Data for review
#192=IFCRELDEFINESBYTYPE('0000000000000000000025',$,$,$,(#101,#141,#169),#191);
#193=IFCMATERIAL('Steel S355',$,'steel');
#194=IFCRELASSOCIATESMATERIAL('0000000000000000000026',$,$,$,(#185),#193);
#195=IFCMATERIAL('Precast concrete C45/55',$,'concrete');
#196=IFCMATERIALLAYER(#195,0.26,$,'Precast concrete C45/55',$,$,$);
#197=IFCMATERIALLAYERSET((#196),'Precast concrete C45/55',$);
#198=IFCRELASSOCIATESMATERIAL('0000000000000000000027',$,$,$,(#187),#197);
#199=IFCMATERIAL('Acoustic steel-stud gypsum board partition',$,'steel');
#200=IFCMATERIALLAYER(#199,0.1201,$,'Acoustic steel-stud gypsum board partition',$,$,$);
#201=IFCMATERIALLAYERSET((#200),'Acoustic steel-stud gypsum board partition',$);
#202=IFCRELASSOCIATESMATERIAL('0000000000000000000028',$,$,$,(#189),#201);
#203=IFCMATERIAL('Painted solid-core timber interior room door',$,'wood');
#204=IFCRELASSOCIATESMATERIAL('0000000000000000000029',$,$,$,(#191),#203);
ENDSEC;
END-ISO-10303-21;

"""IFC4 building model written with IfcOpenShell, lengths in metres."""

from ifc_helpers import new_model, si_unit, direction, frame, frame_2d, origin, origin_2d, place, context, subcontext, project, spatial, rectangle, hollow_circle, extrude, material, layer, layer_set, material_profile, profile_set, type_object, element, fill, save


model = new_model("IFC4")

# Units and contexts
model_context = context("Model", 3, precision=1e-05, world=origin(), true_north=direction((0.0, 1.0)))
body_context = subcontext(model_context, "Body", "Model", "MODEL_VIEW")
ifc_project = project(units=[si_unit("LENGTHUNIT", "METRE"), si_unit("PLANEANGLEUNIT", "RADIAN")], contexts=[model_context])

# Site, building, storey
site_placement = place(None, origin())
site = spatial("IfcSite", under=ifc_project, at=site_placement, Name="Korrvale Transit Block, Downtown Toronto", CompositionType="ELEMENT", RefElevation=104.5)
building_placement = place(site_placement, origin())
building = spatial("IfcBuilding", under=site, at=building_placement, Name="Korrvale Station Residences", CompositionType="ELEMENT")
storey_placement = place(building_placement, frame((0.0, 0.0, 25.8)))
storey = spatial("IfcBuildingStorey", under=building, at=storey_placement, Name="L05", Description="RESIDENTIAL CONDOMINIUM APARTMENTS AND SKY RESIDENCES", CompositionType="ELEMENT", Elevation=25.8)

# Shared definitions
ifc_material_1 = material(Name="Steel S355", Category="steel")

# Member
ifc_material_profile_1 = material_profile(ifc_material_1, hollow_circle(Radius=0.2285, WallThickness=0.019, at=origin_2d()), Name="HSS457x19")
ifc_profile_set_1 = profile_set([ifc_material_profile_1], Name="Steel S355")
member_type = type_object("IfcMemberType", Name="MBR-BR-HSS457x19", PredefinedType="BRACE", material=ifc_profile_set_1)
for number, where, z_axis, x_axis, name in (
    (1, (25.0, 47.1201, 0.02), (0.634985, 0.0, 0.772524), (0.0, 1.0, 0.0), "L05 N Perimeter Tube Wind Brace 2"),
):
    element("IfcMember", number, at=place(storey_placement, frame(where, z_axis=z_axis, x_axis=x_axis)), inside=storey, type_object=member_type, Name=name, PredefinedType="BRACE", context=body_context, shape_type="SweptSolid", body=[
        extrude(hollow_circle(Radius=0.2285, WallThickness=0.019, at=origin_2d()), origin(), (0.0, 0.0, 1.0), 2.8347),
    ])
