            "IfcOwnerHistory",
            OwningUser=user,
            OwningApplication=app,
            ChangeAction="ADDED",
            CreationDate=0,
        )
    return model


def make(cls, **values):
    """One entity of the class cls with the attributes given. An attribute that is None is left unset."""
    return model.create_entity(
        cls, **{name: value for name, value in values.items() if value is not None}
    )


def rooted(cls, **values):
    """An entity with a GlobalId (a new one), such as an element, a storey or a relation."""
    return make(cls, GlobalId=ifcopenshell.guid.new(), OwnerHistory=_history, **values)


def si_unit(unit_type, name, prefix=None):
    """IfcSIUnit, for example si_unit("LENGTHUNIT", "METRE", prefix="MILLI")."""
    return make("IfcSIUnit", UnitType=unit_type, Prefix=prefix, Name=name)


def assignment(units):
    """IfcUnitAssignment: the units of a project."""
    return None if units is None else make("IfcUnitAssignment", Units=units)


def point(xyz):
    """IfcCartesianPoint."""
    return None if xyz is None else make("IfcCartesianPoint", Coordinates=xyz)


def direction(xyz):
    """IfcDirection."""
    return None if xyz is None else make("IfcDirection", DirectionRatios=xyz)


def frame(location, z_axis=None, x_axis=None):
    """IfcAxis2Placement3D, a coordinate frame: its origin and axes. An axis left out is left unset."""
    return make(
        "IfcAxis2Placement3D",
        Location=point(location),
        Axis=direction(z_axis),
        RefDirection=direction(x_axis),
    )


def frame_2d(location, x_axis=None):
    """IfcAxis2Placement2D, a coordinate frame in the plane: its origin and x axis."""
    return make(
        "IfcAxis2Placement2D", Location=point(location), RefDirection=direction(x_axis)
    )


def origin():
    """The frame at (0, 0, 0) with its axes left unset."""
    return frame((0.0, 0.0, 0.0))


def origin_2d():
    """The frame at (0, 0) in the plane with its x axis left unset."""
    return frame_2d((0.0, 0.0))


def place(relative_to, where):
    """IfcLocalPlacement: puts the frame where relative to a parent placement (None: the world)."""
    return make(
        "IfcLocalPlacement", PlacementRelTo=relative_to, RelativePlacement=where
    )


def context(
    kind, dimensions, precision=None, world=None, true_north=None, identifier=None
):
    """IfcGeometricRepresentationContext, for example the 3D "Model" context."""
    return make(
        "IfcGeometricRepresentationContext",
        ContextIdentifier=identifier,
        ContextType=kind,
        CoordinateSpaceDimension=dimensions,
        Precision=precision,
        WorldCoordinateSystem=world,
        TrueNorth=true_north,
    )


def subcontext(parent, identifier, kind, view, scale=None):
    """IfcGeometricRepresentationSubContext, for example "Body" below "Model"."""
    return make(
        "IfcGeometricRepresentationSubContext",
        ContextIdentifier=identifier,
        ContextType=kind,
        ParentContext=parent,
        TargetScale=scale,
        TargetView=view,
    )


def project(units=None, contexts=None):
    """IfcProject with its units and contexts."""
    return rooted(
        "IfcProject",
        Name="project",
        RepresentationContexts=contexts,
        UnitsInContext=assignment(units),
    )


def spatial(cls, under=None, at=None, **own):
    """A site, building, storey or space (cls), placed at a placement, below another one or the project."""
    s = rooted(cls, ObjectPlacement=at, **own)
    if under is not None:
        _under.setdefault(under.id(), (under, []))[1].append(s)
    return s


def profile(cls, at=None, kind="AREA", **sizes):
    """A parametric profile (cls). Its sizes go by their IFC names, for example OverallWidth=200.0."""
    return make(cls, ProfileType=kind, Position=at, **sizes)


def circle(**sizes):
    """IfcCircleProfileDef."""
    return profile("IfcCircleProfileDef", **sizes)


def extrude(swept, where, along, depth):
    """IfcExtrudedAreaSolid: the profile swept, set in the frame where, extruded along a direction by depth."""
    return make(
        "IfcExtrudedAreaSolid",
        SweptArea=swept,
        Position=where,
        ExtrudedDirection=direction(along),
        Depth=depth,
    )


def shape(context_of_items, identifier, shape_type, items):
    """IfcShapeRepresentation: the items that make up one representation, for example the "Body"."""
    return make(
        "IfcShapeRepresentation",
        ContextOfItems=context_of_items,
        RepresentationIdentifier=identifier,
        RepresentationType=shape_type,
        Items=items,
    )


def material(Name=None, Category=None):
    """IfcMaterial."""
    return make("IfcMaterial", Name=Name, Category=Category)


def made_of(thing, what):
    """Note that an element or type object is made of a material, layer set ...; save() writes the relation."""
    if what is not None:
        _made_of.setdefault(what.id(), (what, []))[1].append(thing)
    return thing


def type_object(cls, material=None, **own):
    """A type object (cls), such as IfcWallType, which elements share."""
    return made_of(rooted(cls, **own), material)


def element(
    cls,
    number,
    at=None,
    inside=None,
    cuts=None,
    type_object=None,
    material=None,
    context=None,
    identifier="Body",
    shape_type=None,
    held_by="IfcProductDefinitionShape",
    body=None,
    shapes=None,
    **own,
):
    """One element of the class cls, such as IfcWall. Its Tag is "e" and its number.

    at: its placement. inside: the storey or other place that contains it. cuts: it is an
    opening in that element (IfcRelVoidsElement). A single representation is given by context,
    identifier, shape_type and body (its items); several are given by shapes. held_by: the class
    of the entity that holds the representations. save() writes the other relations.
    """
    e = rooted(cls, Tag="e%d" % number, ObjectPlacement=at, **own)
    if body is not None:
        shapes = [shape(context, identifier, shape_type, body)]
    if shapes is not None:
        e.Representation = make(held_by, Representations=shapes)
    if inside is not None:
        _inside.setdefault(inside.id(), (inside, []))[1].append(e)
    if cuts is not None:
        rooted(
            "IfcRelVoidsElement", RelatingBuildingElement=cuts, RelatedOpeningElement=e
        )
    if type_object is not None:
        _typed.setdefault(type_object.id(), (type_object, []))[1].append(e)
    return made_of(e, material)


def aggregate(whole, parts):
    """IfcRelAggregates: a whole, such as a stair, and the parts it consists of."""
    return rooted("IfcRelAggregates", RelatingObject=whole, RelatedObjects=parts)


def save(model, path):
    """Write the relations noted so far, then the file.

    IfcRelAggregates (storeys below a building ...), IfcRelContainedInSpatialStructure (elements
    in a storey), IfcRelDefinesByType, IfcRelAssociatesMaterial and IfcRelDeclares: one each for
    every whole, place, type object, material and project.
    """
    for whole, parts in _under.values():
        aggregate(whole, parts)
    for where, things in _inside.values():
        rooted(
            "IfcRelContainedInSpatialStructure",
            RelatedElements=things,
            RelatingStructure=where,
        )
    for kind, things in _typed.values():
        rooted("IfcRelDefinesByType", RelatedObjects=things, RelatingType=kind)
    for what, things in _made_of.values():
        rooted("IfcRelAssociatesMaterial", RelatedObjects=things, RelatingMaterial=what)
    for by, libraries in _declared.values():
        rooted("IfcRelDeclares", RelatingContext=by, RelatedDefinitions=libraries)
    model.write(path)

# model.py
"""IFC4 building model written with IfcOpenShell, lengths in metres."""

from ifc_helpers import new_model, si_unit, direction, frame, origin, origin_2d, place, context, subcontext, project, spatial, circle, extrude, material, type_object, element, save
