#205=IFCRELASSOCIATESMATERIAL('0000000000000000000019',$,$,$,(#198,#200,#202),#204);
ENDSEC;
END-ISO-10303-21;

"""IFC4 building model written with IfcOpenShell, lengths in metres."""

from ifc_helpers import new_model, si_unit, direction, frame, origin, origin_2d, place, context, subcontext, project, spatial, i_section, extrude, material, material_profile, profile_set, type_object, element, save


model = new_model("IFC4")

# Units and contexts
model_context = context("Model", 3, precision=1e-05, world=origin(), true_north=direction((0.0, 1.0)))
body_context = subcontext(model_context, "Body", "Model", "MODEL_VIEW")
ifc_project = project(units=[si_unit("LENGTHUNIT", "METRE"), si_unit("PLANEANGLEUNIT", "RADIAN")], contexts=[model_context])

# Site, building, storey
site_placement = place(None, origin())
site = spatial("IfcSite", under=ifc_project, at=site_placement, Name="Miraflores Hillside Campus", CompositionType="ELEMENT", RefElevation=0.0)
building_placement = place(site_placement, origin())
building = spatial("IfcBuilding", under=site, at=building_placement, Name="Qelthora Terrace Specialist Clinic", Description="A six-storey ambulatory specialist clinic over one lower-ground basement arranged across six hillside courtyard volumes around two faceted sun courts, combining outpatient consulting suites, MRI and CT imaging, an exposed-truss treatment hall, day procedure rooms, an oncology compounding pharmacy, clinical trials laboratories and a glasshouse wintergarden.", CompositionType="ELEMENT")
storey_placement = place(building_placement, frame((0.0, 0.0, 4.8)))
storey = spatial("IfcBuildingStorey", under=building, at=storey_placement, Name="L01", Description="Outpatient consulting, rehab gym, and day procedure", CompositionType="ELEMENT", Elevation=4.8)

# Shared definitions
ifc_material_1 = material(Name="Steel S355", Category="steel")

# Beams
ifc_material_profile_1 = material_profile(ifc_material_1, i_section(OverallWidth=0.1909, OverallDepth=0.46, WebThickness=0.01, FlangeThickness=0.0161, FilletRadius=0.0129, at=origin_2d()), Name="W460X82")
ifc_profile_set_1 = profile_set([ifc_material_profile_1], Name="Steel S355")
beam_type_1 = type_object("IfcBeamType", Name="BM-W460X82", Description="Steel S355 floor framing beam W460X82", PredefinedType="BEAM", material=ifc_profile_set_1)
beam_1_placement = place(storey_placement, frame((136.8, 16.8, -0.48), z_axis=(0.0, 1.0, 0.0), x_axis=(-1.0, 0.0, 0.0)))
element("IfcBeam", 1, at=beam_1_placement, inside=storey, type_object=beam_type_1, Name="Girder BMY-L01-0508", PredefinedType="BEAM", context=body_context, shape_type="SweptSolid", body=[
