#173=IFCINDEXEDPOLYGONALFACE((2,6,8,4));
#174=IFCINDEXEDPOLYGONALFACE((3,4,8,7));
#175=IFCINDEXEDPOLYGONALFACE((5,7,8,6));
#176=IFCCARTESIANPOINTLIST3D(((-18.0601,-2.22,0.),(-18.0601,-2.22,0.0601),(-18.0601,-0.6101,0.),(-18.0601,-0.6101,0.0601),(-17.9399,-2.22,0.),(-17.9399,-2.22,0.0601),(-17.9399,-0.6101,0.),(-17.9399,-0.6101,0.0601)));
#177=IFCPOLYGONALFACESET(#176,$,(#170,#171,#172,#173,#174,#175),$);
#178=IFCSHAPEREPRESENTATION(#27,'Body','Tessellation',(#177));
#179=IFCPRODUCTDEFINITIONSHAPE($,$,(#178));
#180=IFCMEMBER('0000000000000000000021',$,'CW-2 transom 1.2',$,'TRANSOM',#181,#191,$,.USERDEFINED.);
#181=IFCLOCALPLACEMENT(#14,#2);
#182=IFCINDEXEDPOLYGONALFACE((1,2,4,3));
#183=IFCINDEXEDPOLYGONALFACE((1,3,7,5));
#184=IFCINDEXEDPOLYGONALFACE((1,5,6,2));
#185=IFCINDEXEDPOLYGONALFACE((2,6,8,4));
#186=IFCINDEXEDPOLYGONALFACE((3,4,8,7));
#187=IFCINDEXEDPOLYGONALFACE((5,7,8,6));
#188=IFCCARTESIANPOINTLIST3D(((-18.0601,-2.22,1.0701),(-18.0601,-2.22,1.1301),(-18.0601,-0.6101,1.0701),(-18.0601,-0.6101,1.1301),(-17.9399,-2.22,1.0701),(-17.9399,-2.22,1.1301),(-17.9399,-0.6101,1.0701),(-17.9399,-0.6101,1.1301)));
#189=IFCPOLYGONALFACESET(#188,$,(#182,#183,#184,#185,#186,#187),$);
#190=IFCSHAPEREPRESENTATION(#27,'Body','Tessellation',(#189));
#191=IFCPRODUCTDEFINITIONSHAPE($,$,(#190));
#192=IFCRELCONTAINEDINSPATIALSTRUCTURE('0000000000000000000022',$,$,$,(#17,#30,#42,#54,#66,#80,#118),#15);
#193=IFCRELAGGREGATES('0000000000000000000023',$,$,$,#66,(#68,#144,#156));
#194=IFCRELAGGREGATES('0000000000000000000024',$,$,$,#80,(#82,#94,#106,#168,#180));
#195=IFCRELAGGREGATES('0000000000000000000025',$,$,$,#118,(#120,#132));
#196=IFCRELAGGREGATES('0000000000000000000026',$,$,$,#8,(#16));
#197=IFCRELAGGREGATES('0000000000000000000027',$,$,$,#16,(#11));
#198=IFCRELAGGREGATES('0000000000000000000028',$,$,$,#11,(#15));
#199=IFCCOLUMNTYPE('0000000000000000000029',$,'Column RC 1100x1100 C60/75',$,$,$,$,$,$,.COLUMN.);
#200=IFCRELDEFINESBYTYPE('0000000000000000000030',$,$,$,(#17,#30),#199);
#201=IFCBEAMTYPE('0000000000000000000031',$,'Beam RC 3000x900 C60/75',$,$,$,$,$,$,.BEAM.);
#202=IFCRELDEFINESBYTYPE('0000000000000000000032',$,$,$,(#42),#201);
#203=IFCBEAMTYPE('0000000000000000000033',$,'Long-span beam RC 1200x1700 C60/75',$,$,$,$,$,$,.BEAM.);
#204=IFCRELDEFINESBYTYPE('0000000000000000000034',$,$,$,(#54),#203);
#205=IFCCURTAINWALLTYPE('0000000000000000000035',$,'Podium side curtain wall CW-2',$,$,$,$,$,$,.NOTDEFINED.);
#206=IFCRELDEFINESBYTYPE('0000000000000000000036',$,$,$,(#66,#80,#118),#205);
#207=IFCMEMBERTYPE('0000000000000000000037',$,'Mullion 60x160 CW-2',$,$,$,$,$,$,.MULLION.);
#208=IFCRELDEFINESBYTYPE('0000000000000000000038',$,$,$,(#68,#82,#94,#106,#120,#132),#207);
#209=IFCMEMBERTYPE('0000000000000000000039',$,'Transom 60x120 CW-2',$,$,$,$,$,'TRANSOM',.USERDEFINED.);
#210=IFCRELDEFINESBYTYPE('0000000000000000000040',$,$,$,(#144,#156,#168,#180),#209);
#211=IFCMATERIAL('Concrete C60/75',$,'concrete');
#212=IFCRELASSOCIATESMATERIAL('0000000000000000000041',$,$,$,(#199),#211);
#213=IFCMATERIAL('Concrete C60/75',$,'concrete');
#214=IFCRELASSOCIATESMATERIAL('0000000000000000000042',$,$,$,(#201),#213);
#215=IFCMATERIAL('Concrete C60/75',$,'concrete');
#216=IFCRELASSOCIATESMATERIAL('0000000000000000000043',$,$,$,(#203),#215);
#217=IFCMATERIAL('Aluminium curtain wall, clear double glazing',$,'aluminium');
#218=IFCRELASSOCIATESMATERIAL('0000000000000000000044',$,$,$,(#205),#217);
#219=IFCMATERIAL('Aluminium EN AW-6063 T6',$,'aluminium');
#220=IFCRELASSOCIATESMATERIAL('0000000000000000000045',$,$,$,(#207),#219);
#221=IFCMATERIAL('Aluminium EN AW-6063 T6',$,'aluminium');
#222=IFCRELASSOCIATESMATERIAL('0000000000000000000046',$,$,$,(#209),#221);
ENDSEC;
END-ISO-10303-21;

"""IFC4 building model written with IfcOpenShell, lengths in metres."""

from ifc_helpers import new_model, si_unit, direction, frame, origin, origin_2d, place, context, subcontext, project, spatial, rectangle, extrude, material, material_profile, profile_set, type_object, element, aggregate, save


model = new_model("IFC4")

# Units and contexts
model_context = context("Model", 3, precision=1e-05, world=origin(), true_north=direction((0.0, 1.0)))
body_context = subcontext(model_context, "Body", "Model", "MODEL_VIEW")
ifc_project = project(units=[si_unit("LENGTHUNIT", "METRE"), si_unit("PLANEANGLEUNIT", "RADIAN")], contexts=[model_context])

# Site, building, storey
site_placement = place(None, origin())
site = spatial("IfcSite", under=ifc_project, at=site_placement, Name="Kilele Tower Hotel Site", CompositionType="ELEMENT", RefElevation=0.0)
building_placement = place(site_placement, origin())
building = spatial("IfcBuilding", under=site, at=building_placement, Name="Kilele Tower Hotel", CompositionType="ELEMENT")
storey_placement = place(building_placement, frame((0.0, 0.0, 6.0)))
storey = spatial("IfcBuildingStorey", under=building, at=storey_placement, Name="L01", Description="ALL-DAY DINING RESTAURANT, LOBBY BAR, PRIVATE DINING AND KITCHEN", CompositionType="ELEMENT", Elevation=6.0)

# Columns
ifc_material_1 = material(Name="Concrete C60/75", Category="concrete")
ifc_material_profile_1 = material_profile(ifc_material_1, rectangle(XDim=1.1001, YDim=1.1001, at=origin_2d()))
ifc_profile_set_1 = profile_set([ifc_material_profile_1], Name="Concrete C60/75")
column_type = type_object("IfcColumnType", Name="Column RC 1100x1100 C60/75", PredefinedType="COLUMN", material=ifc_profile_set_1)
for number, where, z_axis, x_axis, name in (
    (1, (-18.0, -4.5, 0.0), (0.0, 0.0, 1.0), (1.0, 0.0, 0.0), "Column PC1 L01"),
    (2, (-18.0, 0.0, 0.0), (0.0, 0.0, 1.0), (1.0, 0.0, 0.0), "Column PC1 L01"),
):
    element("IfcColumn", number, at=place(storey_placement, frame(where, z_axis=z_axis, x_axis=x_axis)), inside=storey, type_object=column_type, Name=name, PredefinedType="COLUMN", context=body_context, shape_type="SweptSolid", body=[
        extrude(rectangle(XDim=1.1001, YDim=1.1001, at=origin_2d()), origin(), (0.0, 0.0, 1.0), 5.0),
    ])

What this task involves
Beginning with the first line of the listing above, please write out every line exactly until you reach the line that contains "frame((0.0, 0.0, 25.8)))", and include that one too.

Solution for this problem
#192=IFCRELDEFINESBYTYPE('0000000000000000000025',$,$,$,(#101,#141,#169),#191);
#193=IFCMATERIAL('Steel S355',$,'steel');
#194=IFCRELASSOCIATESMATERIAL('0000000000000000000026',$,$,$,(#185),#193);
#195=IFCMATERIAL('Precast concrete C45/55',$,'concrete');
#196=IFCMATERIALLAYER(#195,0.26,$,'Precast concrete C45/55',$,$,$);
#197=IFCMATERIALLAYERSET((#196),'Precast concrete C45/55',$);
#198=IFCRELASSOCIATESMATERIAL('0000000000000000000027',$,$,$,(#187),#197);
#199=IFCMATERIAL('Acoustic steel-stud gypsum board partition',$,'steel');
#200=IFCMATERIALLAYER(#199,0.1201,$,'Acoustic steel-stud gypsum board partition',$,$,$);
#201=IFCMATERIALLAYERSET((#200),'Acoustic steel-stud gypsum board partition',$);
#202=IFCRELASSOCIATESMATERIAL('0000000000000000000028',$,$,$,(#189),#201);
#203=IFCMATERIAL('Painted solid-core timber interior room door',$,'wood');
#204=IFCRELASSOCIATESMATERIAL('0000000000000000000029',$,$,$,(#191),#203);
ENDSEC;
END-ISO-10303-21;

"""IFC4 building model written with IfcOpenShell, lengths in metres."""

from ifc_helpers import new_model, si_unit, direction, frame, frame_2d, origin, origin_2d, place, context, subcontext, project, spatial, rectangle, hollow_circle, extrude, material, layer, layer_set, material_profile, profile_set, type_object, element, fill, save


model = new_model("IFC4")

# Units and contexts
model_context = context("Model", 3, precision=1e-05, world=origin(), true_north=direction((0.0, 1.0)))
body_context = subcontext(model_context, "Body", "Model", "MODEL_VIEW")
ifc_project = project(units=[si_unit("LENGTHUNIT", "METRE"), si_unit("PLANEANGLEUNIT", "RADIAN")], contexts=[model_context])

# Site, building, storey
site_placement = place(None, origin())
site = spatial("IfcSite", under=ifc_project, at=site_placement, Name="Korrvale Transit Block, Downtown Toronto", CompositionType="ELEMENT", RefElevation=104.5)
building_placement = place(site_placement, origin())
building = spatial("IfcBuilding", under=site, at=building_placement, Name="Korrvale Station Residences", CompositionType="ELEMENT")
storey_placement = place(building_placement, frame((0.0, 0.0, 25.8)))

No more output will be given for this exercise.